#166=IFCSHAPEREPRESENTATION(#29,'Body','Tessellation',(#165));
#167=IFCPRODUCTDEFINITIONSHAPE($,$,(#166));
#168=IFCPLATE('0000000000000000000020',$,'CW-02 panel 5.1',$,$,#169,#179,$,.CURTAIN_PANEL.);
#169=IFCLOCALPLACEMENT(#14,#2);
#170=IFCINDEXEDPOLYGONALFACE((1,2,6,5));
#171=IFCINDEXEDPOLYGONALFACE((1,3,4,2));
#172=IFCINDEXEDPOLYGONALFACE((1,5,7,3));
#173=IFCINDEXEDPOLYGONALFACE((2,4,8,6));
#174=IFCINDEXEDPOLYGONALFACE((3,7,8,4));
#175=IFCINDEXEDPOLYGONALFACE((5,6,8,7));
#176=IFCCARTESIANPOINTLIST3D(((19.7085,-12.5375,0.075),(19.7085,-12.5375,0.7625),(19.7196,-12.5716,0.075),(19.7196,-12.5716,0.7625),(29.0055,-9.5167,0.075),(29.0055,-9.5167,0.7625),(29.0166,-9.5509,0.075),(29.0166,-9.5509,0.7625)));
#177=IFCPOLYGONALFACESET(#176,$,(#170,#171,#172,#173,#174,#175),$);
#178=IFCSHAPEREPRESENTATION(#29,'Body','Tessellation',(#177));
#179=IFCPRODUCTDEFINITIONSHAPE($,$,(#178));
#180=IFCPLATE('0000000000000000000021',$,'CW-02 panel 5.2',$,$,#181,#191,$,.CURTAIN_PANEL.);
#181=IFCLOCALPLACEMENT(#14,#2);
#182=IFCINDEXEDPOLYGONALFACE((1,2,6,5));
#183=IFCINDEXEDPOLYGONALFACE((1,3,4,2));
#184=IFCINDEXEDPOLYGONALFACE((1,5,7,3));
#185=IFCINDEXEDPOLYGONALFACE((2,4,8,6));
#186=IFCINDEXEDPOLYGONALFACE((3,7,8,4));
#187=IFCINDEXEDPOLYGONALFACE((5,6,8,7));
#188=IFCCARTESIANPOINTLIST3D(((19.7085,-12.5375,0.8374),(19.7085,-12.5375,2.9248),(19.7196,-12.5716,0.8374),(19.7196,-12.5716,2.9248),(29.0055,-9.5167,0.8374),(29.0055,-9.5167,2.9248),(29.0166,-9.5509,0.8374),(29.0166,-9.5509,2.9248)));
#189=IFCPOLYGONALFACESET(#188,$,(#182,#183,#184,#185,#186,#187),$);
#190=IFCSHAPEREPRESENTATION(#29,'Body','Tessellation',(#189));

## [Task brief]
The whole listing above needs to be written out again exactly.

## [Result for this exercise]
#166=IFCSHAPEREPRESENTATION(#29,'Body','Tessellation',(#165));
#167=IFCPRODUCTDEFINITIONSHAPE($,$,(#166));
#168=IFCPLATE('0000000000000000000020',$,'CW-02 panel 5.1',$,$,#169,#179,$,.CURTAIN_PANEL.);
#169=IFCLOCALPLACEMENT(#14,#2);
#170=IFCINDEXEDPOLYGONALFACE((1,2,6,5));
#171=IFCINDEXEDPOLYGONALFACE((1,3,4,2));
#172=IFCINDEXEDPOLYGONALFACE((1,5,7,3));
#173=IFCINDEXEDPOLYGONALFACE((2,4,8,6));
#174=IFCINDEXEDPOLYGONALFACE((3,7,8,4));
#175=IFCINDEXEDPOLYGONALFACE((5,6,8,7));
#176=IFCCARTESIANPOINTLIST3D(((19.7085,-12.5375,0.075),(19.7085,-12.5375,0.7625),(19.7196,-12.5716,0.075),(19.7196,-12.5716,0.7625),(29.0055,-9.5167,0.075),(29.0055,-9.5167,0.7625),(29.0166,-9.5509,0.075),(29.0166,-9.5509,0.7625)));
#177=IFCPOLYGONALFACESET(#176,$,(#170,#171,#172,#173,#174,#175),$);
#178=IFCSHAPEREPRESENTATION(#29,'Body','Tessellation',(#177));
#179=IFCPRODUCTDEFINITIONSHAPE($,$,(#178));
#180=IFCPLATE('0000000000000000000021',$,'CW-02 panel 5.2',$,$,#181,#191,$,.CURTAIN_PANEL.);
#181=IFCLOCALPLACEMENT(#14,#2);
#182=IFCINDEXEDPOLYGONALFACE((1,2,6,5));
#183=IFCINDEXEDPOLYGONALFACE((1,3,4,2));
#184=IFCINDEXEDPOLYGONALFACE((1,5,7,3));
#185=IFCINDEXEDPOLYGONALFACE((2,4,8,6));
#186=IFCINDEXEDPOLYGONALFACE((3,7,8,4));
#187=IFCINDEXEDPOLYGONALFACE((5,6,8,7));
#188=IFCCARTESIANPOINTLIST3D(((19.7085,-12.5375,0.8374),(19.7085,-12.5375,2.9248),(19.7196,-12.5716,0.8374),(19.7196,-12.5716,2.9248),(29.0055,-9.5167,0.8374),(29.0055,-9.5167,2.9248),(29.0166,-9.5509,0.8374),(29.0166,-9.5509,2.9248)));
#189=IFCPOLYGONALFACESET(#188,$,(#182,#183,#184,#185,#186,#187),$);
#190=IFCSHAPEREPRESENTATION(#29,'Body','Tessellation',(#189));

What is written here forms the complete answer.